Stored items

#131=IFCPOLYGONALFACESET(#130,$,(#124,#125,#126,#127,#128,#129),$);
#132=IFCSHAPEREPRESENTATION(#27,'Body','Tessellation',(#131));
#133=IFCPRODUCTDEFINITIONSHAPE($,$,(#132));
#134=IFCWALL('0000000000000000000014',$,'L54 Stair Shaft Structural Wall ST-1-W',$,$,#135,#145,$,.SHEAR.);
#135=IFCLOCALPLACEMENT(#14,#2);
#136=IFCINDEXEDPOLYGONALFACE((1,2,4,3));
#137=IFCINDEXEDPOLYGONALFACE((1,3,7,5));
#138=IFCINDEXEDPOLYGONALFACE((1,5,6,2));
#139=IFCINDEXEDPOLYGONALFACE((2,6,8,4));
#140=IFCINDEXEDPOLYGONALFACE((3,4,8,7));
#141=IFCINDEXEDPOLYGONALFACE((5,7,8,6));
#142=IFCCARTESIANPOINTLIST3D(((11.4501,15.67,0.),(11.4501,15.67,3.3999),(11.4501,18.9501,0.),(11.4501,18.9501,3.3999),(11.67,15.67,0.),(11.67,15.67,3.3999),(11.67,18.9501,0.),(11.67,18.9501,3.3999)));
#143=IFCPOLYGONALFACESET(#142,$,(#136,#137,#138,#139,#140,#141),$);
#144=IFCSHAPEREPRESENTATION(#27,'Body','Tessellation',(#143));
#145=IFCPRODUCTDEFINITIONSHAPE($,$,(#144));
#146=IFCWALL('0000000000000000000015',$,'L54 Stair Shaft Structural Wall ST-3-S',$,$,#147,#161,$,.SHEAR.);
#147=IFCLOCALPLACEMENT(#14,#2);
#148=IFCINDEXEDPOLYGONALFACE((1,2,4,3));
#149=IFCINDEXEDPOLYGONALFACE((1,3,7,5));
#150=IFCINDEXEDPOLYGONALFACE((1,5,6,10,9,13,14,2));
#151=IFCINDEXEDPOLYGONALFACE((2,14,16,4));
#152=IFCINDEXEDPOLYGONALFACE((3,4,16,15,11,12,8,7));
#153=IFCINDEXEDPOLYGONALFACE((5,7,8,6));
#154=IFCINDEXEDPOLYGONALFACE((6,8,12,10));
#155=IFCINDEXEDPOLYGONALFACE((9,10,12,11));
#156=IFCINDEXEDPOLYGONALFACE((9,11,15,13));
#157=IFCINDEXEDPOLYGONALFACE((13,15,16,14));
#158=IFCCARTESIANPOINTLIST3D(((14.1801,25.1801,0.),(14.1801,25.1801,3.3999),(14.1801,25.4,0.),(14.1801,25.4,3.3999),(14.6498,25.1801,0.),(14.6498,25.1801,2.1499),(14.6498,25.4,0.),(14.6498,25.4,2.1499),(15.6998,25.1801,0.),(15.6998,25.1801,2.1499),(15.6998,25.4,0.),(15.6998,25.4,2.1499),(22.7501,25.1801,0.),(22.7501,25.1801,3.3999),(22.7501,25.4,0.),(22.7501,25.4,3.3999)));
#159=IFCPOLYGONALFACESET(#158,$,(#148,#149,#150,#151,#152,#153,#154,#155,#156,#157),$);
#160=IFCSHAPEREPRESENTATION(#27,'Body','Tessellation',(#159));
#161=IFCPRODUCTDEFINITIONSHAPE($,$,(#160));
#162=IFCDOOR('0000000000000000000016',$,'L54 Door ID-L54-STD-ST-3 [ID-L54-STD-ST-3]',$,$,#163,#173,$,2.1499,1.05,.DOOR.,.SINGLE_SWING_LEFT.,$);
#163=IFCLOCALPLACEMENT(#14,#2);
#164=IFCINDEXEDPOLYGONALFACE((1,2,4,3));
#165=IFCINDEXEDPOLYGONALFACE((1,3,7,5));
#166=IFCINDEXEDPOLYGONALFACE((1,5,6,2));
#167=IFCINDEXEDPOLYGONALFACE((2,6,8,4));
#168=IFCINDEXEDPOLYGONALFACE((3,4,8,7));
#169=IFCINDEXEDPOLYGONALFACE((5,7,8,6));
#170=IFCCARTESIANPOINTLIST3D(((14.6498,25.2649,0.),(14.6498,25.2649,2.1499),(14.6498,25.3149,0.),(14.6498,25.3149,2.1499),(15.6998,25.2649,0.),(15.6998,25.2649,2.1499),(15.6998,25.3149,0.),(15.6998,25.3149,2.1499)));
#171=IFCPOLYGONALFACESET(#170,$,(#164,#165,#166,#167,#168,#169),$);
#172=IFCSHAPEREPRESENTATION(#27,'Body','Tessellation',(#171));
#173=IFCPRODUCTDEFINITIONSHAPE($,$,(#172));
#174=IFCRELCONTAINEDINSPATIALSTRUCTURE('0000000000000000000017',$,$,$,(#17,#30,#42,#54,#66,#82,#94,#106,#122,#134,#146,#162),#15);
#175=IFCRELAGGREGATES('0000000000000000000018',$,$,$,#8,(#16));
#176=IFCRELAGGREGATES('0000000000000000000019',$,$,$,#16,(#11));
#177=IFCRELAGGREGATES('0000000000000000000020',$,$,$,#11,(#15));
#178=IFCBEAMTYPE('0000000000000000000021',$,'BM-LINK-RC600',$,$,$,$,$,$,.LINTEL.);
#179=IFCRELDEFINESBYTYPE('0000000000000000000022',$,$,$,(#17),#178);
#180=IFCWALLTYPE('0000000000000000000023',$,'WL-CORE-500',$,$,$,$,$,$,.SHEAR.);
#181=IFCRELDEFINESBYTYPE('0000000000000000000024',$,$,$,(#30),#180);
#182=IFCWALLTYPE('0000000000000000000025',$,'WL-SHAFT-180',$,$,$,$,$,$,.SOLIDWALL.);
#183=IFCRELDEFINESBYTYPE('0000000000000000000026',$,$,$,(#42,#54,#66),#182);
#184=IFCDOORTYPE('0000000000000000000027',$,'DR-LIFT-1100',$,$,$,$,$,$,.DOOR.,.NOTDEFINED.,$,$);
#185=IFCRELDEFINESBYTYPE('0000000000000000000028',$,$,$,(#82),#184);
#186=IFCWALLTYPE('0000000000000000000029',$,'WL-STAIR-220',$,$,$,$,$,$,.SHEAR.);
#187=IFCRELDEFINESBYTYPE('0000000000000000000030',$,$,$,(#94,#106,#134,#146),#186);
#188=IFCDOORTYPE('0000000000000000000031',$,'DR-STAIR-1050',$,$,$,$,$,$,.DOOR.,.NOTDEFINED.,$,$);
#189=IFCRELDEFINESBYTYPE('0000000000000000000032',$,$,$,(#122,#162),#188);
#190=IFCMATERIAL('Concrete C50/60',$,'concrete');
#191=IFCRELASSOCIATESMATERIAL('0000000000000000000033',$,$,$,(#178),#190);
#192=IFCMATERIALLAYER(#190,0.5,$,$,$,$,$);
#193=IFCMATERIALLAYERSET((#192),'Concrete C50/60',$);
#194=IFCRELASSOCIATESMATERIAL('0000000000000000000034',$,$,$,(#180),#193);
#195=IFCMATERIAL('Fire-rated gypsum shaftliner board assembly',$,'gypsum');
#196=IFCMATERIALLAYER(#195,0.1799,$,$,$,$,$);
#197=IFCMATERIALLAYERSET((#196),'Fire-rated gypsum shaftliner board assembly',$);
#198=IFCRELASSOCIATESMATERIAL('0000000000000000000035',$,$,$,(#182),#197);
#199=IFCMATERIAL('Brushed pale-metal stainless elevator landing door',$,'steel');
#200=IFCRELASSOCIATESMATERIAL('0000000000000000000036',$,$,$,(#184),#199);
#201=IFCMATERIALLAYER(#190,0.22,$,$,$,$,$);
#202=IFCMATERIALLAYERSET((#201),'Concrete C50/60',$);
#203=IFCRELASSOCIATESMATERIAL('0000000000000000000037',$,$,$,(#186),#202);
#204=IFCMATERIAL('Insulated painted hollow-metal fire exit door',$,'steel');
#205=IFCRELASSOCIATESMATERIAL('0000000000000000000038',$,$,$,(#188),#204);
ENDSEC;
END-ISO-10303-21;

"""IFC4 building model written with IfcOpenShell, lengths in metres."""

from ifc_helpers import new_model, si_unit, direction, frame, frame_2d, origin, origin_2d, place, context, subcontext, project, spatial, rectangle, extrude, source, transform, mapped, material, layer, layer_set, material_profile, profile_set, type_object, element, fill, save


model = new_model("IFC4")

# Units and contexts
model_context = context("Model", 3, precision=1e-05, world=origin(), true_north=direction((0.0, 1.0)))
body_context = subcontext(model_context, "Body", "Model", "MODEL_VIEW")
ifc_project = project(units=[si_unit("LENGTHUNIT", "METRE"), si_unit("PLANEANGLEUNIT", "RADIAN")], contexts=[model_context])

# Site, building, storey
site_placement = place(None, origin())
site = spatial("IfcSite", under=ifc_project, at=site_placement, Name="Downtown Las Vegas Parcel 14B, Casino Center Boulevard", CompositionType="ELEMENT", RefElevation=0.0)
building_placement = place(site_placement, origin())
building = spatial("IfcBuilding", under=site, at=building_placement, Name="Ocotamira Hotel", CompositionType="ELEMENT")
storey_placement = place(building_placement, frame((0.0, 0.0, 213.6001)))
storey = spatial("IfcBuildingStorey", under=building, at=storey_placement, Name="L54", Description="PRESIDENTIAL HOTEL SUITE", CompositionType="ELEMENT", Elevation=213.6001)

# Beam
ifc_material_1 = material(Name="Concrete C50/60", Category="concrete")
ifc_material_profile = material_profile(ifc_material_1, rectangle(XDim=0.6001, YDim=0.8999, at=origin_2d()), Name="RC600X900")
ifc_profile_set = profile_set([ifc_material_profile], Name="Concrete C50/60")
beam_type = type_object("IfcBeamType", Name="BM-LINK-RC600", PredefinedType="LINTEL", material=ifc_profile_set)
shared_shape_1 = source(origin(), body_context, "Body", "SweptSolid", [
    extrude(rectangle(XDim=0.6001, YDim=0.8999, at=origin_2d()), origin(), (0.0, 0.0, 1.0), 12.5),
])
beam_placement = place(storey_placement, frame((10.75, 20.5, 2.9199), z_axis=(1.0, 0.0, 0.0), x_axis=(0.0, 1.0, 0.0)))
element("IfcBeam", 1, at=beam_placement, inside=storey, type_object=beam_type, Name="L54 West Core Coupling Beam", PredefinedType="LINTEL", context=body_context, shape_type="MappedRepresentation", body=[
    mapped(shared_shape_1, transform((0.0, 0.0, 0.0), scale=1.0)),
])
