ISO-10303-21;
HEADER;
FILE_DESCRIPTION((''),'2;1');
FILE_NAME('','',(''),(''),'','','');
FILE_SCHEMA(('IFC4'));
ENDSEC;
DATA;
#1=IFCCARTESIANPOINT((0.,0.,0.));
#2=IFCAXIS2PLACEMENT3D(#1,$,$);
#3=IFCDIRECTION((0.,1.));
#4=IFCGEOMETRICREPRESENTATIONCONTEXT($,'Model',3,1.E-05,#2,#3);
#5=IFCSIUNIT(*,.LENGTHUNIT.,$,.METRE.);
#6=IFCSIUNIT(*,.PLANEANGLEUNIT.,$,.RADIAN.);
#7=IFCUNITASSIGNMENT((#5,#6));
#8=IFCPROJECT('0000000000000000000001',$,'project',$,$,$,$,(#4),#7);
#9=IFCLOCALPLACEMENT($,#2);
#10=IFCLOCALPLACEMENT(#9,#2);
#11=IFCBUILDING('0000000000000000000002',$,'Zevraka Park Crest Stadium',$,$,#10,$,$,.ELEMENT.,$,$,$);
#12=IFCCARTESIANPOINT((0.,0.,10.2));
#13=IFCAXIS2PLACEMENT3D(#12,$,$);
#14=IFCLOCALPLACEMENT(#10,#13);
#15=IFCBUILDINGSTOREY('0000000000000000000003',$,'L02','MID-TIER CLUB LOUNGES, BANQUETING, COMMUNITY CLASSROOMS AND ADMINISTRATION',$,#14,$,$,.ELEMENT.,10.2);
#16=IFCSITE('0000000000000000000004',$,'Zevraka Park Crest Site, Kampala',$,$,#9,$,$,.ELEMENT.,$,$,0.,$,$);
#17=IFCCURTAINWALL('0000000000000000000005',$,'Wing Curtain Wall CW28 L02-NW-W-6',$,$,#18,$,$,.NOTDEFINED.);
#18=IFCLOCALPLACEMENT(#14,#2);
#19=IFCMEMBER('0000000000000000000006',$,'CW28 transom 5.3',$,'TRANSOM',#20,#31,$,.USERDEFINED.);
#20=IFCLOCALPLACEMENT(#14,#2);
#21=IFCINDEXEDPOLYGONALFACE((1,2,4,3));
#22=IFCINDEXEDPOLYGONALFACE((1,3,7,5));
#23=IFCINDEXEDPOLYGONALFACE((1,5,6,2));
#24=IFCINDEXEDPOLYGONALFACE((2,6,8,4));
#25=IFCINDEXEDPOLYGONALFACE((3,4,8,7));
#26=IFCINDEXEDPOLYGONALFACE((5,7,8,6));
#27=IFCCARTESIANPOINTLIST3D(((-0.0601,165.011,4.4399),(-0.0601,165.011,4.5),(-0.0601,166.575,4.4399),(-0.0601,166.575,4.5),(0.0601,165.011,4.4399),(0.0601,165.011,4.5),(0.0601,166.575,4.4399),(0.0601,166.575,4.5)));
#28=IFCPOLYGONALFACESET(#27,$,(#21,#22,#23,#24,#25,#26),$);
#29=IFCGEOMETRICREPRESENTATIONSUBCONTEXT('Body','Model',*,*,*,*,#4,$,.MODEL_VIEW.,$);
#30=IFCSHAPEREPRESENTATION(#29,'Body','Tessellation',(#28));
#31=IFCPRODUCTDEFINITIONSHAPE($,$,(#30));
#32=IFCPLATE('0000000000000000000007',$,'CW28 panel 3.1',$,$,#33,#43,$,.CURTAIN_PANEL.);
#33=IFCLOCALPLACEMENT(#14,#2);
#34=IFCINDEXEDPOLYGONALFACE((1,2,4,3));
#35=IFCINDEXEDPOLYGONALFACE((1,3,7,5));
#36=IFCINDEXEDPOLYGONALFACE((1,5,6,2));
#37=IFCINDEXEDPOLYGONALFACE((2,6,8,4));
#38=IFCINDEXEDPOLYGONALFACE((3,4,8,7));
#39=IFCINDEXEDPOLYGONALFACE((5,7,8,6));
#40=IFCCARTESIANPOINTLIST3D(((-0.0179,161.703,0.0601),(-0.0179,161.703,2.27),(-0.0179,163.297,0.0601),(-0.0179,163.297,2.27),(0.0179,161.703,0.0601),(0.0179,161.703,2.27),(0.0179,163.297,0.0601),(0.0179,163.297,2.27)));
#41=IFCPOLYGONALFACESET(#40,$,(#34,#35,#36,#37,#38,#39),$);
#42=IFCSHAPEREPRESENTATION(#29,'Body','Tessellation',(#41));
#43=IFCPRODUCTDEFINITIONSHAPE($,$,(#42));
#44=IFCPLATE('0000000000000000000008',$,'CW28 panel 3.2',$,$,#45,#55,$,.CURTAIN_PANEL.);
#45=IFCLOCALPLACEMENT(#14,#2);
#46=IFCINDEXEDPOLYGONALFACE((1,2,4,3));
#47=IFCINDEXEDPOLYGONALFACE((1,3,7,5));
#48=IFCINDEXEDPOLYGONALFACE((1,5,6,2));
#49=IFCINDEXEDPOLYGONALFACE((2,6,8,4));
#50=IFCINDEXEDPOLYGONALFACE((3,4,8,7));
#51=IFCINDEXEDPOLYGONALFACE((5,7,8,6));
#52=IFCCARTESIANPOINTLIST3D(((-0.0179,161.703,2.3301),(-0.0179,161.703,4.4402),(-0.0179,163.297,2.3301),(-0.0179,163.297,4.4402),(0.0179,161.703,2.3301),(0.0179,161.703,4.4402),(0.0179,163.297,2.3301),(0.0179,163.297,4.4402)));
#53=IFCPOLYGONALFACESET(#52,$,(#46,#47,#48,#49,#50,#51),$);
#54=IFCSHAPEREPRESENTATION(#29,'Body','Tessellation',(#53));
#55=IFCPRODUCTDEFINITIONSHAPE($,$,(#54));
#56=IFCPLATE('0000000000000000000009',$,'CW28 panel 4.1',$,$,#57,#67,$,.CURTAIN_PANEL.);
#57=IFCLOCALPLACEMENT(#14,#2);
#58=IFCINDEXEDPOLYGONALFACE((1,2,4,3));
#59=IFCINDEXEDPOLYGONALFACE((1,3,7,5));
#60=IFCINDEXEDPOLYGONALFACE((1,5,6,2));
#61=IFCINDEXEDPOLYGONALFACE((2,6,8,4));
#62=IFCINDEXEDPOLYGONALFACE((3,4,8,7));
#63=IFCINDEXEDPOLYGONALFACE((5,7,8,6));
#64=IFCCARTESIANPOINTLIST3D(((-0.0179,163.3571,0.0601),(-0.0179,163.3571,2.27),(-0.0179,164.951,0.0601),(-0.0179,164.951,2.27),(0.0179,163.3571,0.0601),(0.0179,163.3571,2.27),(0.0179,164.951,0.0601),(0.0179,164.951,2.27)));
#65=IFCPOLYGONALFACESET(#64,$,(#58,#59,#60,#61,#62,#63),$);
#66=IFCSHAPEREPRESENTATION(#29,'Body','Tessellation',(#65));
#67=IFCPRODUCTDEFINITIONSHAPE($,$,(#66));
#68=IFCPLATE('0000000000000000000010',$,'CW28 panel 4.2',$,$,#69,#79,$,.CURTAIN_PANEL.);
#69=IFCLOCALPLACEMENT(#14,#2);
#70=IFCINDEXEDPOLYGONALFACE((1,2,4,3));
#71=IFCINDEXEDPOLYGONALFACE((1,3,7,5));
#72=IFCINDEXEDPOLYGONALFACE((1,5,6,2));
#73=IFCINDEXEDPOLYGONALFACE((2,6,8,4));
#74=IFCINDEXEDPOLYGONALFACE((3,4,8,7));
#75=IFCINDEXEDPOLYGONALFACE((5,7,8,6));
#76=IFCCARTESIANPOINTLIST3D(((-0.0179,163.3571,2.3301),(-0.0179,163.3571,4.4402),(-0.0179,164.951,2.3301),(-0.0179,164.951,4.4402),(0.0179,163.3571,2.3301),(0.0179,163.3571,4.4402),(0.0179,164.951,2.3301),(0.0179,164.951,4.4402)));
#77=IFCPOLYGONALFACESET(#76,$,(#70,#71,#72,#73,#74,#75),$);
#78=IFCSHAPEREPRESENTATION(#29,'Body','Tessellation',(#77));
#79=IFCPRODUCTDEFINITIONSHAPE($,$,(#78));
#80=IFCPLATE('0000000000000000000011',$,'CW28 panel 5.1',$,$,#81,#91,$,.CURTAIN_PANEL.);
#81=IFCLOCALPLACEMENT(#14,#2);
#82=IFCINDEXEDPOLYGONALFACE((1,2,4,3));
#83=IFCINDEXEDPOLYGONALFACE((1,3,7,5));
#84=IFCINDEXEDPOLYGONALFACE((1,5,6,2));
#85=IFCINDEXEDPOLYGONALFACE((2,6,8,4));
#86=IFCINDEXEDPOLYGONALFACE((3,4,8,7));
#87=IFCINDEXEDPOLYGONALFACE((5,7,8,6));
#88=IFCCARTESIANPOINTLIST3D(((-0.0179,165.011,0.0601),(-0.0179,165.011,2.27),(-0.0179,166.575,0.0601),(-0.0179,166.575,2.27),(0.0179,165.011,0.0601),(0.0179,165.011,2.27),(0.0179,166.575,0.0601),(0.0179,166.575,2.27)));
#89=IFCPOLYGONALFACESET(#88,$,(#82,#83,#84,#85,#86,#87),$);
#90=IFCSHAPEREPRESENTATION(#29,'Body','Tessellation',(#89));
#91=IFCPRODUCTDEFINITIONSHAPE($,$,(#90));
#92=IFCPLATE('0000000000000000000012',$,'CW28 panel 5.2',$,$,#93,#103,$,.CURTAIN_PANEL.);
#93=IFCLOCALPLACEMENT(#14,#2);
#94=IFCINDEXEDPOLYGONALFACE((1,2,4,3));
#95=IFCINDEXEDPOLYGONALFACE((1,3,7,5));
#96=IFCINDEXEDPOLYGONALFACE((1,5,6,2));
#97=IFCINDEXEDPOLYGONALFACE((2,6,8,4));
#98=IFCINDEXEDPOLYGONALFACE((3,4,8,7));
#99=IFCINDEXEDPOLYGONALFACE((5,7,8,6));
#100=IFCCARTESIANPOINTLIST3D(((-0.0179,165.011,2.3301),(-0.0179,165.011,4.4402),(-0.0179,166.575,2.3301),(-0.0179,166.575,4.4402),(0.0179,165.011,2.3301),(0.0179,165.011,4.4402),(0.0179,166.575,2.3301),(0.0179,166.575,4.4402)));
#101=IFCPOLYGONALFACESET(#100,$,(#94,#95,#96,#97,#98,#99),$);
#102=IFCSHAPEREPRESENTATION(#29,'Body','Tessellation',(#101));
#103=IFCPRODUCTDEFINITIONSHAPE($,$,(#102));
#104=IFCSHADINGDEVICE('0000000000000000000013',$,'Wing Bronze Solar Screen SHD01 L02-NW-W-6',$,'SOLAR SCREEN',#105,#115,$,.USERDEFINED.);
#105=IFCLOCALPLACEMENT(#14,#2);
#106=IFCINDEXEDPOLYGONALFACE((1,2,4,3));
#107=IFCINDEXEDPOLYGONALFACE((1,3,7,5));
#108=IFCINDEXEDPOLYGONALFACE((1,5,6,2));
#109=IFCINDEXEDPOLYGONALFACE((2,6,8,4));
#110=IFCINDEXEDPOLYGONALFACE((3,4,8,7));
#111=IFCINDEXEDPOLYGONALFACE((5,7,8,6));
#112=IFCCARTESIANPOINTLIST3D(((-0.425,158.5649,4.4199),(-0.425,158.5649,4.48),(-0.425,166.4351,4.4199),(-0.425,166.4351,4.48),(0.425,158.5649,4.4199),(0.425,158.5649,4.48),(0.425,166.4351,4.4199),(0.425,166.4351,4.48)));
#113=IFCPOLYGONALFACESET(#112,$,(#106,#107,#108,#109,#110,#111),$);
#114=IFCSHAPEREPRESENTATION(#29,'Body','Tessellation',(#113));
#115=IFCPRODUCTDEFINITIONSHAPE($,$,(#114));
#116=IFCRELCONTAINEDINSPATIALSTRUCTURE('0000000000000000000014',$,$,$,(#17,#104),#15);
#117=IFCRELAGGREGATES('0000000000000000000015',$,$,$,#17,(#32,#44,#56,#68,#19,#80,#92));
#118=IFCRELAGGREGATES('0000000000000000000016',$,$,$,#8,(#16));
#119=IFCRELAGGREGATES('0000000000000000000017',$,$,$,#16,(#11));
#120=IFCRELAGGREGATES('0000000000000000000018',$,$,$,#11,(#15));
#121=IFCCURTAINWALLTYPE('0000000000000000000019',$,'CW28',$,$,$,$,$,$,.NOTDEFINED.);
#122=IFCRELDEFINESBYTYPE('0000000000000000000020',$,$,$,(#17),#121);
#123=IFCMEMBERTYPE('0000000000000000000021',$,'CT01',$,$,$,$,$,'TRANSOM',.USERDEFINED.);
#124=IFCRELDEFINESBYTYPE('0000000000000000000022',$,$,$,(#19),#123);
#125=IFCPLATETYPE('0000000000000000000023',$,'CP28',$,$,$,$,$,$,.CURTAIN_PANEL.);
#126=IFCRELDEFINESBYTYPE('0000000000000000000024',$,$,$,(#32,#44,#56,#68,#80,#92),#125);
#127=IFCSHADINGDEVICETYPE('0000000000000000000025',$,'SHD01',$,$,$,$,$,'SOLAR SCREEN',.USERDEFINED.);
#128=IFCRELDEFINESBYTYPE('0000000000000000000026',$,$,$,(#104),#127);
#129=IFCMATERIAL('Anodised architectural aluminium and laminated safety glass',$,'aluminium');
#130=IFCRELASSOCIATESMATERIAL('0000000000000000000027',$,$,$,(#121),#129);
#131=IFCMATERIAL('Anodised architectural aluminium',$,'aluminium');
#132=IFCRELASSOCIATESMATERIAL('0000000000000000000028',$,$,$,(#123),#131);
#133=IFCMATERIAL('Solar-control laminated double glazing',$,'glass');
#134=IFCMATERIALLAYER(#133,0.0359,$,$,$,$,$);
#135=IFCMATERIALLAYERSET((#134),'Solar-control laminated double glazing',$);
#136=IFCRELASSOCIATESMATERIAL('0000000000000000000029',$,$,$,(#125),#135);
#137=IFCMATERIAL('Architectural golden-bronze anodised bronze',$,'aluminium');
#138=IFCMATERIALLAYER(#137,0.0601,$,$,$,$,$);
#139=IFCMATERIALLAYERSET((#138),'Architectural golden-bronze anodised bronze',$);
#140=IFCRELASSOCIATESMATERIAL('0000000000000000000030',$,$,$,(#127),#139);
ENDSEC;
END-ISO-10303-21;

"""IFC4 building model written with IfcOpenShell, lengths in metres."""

from ifc_helpers import new_model, si_unit, direction, frame, origin, origin_2d, place, context, subcontext, project, spatial, rectangle, extrude, material, layer, layer_set, material_profile, profile_set, type_object, element, aggregate, save


model = new_model("IFC4")

# Units and contexts
model_context = context("Model", 3, precision=1e-05, world=origin(), true_north=direction((0.0, 1.0)))
body_context = subcontext(model_context, "Body", "Model", "MODEL_VIEW")
ifc_project = project(units=[si_unit("LENGTHUNIT", "METRE"), si_unit("PLANEANGLEUNIT", "RADIAN")], contexts=[model_context])

# Site, building, storey
site_placement = place(None, origin())
site = spatial("IfcSite", under=ifc_project, at=site_placement, Name="Zevraka Park Crest Site, Kampala", CompositionType="ELEMENT", RefElevation=0.0)
building_placement = place(site_placement, origin())
building = spatial("IfcBuilding", under=site, at=building_placement, Name="Zevraka Park Crest Stadium", CompositionType="ELEMENT")
storey_placement = place(building_placement, frame((0.0, 0.0, 10.2)))
storey = spatial("IfcBuildingStorey", under=building, at=storey_placement, Name="L02", Description="MID-TIER CLUB LOUNGES, BANQUETING, COMMUNITY CLASSROOMS AND ADMINISTRATION", CompositionType="ELEMENT", Elevation=10.2)

# Curtain wall, member, plates
ifc_material_1 = material(Name="Anodised architectural aluminium and laminated safety glass", Category="aluminium")
curtain_wall_type = type_object("IfcCurtainWallType", Name="CW28", PredefinedType="NOTDEFINED", material=ifc_material_1)
curtain_wall_placement = place(storey_placement, origin())
curtain_wall = element("IfcCurtainWall", 1, at=curtain_wall_placement, inside=storey, type_object=curtain_wall_type, Name="Wing Curtain Wall CW28 L02-NW-W-6", PredefinedType="NOTDEFINED")
ifc_material_2 = material(Name="Anodised architectural aluminium", Category="aluminium")
ifc_material_profile_1 = material_profile(ifc_material_2, rectangle(XDim=0.1201, YDim=0.0601, at=origin_2d()), Name="ALU TRANSOM 120x60")
ifc_profile_set_1 = profile_set([ifc_material_profile_1], Name="Anodised architectural aluminium")
member_type_1 = type_object("IfcMemberType", Name="CT01", ElementType="TRANSOM", PredefinedType="USERDEFINED", material=ifc_profile_set_1)
member_1_placement = place(storey_placement, frame((0.0, 165.011, 4.47), z_axis=(0.0, 1.0, 0.0), x_axis=(-1.0, 0.0, 0.0)))
member_1 = element("IfcMember", 2, at=member_1_placement, type_object=member_type_1, Name="CW28 transom 5.3", ObjectType="TRANSOM", PredefinedType="USERDEFINED", context=body_context, shape_type="SweptSolid", body=[
    extrude(rectangle(XDim=0.1201, YDim=0.0601, at=origin_2d()), origin(), (0.0, 0.0, 1.0), 1.564),
])
ifc_material_3 = material(Name="Solar-control laminated double glazing", Category="glass")
ifc_layer_1 = layer(ifc_material_3, 0.0359)
ifc_layer_set_1 = layer_set([ifc_layer_1], Name="Solar-control laminated double glazing")
plate_type = type_object("IfcPlateType", Name="CP28", PredefinedType="CURTAIN_PANEL", material=ifc_layer_set_1)
plate_1_placement = place(storey_placement, frame((0.0, 162.5, 0.0601), z_axis=(0.0, 0.0, 1.0), x_axis=(0.0, 1.0, 0.0)))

Work instruction => Check each line in the records above for the word "shaftliner". Return those that have it.

Answer to this exercise =>
#195=IFCMATERIAL('Fire-rated gypsum shaftliner board assembly',$,'gypsum');
#197=IFCMATERIALLAYERSET((#196),'Fire-rated gypsum shaftliner board assembly',$);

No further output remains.